- Exercise directions:
Please retype the entries below exactly as they are written.
::: Exercise material
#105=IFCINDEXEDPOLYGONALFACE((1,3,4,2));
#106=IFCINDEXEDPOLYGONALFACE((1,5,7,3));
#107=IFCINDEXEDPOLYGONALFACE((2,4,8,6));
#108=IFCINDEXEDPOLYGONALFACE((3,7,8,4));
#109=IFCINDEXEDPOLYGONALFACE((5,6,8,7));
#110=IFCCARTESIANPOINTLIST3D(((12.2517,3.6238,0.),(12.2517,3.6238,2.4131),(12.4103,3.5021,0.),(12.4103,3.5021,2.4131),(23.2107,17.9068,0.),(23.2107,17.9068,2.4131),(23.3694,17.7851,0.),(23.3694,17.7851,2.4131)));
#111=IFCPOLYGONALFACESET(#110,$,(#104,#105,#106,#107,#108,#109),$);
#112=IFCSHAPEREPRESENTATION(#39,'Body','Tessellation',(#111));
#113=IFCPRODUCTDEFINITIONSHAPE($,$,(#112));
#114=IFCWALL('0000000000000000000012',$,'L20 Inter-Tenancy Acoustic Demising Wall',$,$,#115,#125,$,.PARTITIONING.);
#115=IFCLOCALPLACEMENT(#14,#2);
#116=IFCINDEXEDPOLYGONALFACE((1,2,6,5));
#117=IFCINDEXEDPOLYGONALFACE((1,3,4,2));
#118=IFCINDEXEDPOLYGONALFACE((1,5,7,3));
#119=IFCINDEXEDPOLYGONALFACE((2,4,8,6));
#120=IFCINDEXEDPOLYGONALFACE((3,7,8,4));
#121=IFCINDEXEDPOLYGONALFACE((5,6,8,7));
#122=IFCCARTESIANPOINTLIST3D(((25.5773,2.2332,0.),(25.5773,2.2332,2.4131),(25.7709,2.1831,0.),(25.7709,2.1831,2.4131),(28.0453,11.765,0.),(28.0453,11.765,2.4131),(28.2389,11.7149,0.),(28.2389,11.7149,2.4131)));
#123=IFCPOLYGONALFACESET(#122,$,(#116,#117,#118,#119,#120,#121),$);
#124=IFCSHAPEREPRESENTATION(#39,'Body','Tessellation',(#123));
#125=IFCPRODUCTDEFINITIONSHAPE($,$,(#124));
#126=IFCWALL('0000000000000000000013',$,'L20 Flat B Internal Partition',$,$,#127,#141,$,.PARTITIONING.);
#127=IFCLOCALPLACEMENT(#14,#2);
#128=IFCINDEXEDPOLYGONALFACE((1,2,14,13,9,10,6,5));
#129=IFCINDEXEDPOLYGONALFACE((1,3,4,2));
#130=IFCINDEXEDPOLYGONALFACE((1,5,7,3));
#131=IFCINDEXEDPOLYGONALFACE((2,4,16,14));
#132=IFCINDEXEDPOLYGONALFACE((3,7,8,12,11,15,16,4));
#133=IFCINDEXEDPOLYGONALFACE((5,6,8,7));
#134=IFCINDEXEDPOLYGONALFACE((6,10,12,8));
::::::
- Result of this task:
#105=IFCINDEXEDPOLYGONALFACE((1,3,4,2));
#106=IFCINDEXEDPOLYGONALFACE((1,5,7,3));
#107=IFCINDEXEDPOLYGONALFACE((2,4,8,6));
#108=IFCINDEXEDPOLYGONALFACE((3,7,8,4));
#109=IFCINDEXEDPOLYGONALFACE((5,6,8,7));
#110=IFCCARTESIANPOINTLIST3D(((12.2517,3.6238,0.),(12.2517,3.6238,2.4131),(12.4103,3.5021,0.),(12.4103,3.5021,2.4131),(23.2107,17.9068,0.),(23.2107,17.9068,2.4131),(23.3694,17.7851,0.),(23.3694,17.7851,2.4131)));
#111=IFCPOLYGONALFACESET(#110,$,(#104,#105,#106,#107,#108,#109),$);
#112=IFCSHAPEREPRESENTATION(#39,'Body','Tessellation',(#111));
#113=IFCPRODUCTDEFINITIONSHAPE($,$,(#112));
#114=IFCWALL('0000000000000000000012',$,'L20 Inter-Tenancy Acoustic Demising Wall',$,$,#115,#125,$,.PARTITIONING.);
#115=IFCLOCALPLACEMENT(#14,#2);
#116=IFCINDEXEDPOLYGONALFACE((1,2,6,5));
#117=IFCINDEXEDPOLYGONALFACE((1,3,4,2));
#118=IFCINDEXEDPOLYGONALFACE((1,5,7,3));
#119=IFCINDEXEDPOLYGONALFACE((2,4,8,6));
#120=IFCINDEXEDPOLYGONALFACE((3,7,8,4));
#121=IFCINDEXEDPOLYGONALFACE((5,6,8,7));
#122=IFCCARTESIANPOINTLIST3D(((25.5773,2.2332,0.),(25.5773,2.2332,2.4131),(25.7709,2.1831,0.),(25.7709,2.1831,2.4131),(28.0453,11.765,0.),(28.0453,11.765,2.4131),(28.2389,11.7149,0.),(28.2389,11.7149,2.4131)));
#123=IFCPOLYGONALFACESET(#122,$,(#116,#117,#118,#119,#120,#121),$);
#124=IFCSHAPEREPRESENTATION(#39,'Body','Tessellation',(#123));
#125=IFCPRODUCTDEFINITIONSHAPE($,$,(#124));
#126=IFCWALL('0000000000000000000013',$,'L20 Flat B Internal Partition',$,$,#127,#141,$,.PARTITIONING.);
#127=IFCLOCALPLACEMENT(#14,#2);
#128=IFCINDEXEDPOLYGONALFACE((1,2,14,13,9,10,6,5));
#129=IFCINDEXEDPOLYGONALFACE((1,3,4,2));
#130=IFCINDEXEDPOLYGONALFACE((1,5,7,3));
#131=IFCINDEXEDPOLYGONALFACE((2,4,16,14));
#132=IFCINDEXEDPOLYGONALFACE((3,7,8,12,11,15,16,4));
#133=IFCINDEXEDPOLYGONALFACE((5,6,8,7));
#134=IFCINDEXEDPOLYGONALFACE((6,10,12,8));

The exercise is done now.